======== Supplied records ========
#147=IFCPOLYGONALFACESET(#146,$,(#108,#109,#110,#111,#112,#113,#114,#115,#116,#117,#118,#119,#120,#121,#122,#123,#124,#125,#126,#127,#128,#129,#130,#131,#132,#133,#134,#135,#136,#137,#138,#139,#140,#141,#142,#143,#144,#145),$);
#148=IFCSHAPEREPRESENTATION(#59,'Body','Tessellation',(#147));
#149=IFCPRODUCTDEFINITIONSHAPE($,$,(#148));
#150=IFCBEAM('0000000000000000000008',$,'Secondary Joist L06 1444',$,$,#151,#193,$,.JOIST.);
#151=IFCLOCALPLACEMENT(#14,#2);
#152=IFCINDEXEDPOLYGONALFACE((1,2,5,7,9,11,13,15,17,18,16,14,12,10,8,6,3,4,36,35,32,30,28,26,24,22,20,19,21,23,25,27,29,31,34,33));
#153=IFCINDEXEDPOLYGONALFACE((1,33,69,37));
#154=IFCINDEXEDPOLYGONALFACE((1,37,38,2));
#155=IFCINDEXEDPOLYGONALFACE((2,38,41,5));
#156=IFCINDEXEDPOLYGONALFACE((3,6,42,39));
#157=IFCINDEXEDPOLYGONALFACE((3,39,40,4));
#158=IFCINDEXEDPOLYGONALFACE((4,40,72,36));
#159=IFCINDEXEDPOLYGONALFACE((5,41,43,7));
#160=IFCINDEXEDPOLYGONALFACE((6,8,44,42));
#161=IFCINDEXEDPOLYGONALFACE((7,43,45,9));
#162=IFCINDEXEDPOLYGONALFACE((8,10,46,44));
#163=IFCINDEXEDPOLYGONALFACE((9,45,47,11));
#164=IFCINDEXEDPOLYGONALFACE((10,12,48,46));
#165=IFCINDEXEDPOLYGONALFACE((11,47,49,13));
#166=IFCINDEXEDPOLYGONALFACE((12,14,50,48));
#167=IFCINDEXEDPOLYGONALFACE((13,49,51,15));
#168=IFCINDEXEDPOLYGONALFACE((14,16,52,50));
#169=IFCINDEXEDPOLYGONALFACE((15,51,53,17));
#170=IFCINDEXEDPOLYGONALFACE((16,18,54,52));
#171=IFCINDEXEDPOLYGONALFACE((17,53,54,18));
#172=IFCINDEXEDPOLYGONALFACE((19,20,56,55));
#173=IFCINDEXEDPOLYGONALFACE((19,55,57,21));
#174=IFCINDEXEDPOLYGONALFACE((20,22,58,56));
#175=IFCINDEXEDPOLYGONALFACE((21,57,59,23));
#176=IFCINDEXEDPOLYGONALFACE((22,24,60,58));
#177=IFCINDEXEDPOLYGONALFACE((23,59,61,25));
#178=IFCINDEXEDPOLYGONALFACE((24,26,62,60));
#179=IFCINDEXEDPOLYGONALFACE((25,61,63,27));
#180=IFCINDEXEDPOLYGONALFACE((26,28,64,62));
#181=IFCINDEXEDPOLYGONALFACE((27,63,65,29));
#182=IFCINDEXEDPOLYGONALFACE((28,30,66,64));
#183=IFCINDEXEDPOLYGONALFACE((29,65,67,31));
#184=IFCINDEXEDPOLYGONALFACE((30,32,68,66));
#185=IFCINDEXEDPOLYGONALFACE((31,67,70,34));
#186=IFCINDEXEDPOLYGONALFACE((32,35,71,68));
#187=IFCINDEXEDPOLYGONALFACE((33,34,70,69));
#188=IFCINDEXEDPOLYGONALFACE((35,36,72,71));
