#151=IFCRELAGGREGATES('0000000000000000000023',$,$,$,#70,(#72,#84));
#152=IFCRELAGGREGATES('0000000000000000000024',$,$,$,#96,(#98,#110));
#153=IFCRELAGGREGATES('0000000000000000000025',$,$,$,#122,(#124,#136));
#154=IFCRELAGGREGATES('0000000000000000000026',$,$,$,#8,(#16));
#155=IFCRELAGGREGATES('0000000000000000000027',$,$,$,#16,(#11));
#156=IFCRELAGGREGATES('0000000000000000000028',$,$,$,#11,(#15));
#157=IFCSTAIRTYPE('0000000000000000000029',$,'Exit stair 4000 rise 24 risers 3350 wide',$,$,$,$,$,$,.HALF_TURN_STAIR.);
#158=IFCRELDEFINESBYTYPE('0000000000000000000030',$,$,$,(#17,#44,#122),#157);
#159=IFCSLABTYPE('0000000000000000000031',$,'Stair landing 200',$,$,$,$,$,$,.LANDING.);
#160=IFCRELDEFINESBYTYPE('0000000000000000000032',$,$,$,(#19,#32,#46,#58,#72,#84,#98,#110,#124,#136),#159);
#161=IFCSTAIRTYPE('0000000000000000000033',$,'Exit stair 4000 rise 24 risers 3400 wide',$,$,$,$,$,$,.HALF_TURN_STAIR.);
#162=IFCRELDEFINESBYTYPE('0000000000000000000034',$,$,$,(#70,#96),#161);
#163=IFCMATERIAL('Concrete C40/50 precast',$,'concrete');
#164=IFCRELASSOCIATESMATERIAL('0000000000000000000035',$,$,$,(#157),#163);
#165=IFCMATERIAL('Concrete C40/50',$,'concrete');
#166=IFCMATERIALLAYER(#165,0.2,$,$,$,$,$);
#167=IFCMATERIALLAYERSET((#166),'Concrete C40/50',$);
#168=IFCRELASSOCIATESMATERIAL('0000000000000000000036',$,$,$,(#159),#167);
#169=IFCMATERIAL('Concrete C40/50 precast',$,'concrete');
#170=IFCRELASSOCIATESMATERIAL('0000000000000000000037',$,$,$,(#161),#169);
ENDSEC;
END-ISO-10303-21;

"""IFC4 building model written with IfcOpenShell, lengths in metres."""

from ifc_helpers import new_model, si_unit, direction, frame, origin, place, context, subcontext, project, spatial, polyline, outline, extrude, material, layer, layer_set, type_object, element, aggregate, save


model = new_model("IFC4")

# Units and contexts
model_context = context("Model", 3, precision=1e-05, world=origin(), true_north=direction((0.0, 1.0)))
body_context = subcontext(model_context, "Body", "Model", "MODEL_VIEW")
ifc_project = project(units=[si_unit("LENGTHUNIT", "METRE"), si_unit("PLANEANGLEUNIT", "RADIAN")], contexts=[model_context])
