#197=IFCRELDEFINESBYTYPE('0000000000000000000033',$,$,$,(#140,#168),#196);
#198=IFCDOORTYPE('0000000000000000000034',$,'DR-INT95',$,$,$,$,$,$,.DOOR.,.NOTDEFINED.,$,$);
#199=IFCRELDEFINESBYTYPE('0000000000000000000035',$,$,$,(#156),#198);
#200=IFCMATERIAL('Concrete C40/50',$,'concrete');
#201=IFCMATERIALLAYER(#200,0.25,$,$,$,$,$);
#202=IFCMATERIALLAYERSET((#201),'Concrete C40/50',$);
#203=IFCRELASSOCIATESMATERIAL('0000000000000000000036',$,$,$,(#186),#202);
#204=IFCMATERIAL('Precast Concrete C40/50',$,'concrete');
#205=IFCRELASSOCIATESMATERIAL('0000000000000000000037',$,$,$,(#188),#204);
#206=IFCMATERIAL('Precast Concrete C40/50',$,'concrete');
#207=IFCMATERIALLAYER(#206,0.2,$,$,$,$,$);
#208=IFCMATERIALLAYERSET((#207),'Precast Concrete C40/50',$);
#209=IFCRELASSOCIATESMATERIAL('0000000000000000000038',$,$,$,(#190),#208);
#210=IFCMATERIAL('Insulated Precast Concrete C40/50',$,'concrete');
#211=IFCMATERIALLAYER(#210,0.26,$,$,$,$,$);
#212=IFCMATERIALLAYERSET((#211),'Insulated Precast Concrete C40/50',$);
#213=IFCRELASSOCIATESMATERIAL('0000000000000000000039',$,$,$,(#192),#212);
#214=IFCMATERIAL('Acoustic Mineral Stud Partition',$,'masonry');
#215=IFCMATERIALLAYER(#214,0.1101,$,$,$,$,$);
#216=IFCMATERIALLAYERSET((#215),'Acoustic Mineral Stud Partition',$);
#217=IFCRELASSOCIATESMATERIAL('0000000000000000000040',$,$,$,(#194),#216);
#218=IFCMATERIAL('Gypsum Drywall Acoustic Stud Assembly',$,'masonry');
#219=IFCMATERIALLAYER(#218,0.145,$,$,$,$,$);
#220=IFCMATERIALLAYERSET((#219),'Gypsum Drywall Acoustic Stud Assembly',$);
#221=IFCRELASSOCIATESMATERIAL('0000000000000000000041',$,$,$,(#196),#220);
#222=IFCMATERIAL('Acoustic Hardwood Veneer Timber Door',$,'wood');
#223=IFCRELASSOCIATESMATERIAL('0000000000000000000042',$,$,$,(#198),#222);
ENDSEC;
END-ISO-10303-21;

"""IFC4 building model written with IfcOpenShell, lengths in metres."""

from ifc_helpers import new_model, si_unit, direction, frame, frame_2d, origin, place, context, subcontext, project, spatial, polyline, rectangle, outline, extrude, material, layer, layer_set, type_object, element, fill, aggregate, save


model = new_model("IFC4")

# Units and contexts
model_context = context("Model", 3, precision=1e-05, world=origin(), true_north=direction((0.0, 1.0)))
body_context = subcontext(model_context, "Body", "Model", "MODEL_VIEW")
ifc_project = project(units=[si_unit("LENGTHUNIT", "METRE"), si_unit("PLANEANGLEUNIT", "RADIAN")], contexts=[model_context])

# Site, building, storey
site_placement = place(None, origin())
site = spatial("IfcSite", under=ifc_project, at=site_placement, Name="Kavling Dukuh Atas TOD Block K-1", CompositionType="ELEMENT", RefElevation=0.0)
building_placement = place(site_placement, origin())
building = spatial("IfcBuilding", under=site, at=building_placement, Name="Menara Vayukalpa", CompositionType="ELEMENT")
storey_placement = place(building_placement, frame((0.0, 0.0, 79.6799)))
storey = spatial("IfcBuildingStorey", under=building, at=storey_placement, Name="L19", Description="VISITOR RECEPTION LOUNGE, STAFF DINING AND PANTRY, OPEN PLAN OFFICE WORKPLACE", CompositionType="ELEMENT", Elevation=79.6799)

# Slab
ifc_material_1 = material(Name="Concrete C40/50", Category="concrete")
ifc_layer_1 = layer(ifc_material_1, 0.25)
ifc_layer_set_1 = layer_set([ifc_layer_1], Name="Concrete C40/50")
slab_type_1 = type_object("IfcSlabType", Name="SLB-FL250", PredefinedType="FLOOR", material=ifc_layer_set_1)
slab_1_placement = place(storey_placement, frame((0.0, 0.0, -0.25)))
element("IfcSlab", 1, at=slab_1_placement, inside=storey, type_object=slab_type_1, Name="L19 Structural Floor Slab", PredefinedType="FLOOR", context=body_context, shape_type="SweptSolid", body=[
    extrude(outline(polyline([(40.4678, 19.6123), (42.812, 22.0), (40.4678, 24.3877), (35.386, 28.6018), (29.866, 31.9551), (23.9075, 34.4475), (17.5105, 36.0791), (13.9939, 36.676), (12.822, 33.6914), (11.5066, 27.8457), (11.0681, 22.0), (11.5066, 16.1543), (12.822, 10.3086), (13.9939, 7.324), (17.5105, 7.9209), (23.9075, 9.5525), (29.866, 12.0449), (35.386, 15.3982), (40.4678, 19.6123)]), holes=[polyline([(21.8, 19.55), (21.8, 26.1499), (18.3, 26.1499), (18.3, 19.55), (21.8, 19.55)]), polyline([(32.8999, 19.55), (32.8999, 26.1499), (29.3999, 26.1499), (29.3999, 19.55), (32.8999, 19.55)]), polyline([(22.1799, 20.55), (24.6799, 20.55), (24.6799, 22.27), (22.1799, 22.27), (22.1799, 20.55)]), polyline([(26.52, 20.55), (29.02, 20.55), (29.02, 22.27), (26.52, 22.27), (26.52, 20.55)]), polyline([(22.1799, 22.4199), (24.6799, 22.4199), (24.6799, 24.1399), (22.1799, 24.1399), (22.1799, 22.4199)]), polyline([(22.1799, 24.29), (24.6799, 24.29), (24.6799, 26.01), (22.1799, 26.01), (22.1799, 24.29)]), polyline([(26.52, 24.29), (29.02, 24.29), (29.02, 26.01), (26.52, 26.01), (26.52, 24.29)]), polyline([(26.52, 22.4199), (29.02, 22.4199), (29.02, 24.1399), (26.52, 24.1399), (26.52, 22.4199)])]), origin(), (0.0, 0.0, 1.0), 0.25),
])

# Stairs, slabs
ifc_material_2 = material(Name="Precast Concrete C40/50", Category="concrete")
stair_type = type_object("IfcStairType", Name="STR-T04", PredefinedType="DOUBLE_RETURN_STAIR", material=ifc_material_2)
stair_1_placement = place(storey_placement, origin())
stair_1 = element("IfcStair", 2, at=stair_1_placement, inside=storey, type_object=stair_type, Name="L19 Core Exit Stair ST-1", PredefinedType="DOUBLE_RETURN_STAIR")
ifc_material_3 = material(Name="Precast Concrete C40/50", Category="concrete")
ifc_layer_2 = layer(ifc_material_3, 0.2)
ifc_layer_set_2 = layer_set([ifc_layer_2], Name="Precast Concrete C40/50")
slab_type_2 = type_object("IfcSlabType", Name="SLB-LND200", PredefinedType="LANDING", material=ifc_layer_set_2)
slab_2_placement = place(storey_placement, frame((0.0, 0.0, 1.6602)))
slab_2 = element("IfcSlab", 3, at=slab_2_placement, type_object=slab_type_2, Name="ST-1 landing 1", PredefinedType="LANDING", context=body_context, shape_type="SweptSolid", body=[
========
#### [Description of the task]
Above are the records; from them, give again exactly the lines from the one containing "#222=IFCMATERIAL('Acoustic Hardwood Veneer" to the one containing "building_placement = place(site_placement, origin())", both lines included, and nothing more.

#### [Exercise result]
#222=IFCMATERIAL('Acoustic Hardwood Veneer Timber Door',$,'wood');
#223=IFCRELASSOCIATESMATERIAL('0000000000000000000042',$,$,$,(#198),#222);
ENDSEC;
END-ISO-10303-21;

"""IFC4 building model written with IfcOpenShell, lengths in metres."""

from ifc_helpers import new_model, si_unit, direction, frame, frame_2d, origin, place, context, subcontext, project, spatial, polyline, rectangle, outline, extrude, material, layer, layer_set, type_object, element, fill, aggregate, save


model = new_model("IFC4")

# Units and contexts
model_context = context("Model", 3, precision=1e-05, world=origin(), true_north=direction((0.0, 1.0)))
body_context = subcontext(model_context, "Body", "Model", "MODEL_VIEW")
ifc_project = project(units=[si_unit("LENGTHUNIT", "METRE"), si_unit("PLANEANGLEUNIT", "RADIAN")], contexts=[model_context])

# Site, building, storey
site_placement = place(None, origin())
site = spatial("IfcSite", under=ifc_project, at=site_placement, Name="Kavling Dukuh Atas TOD Block K-1", CompositionType="ELEMENT", RefElevation=0.0)
building_placement = place(site_placement, origin())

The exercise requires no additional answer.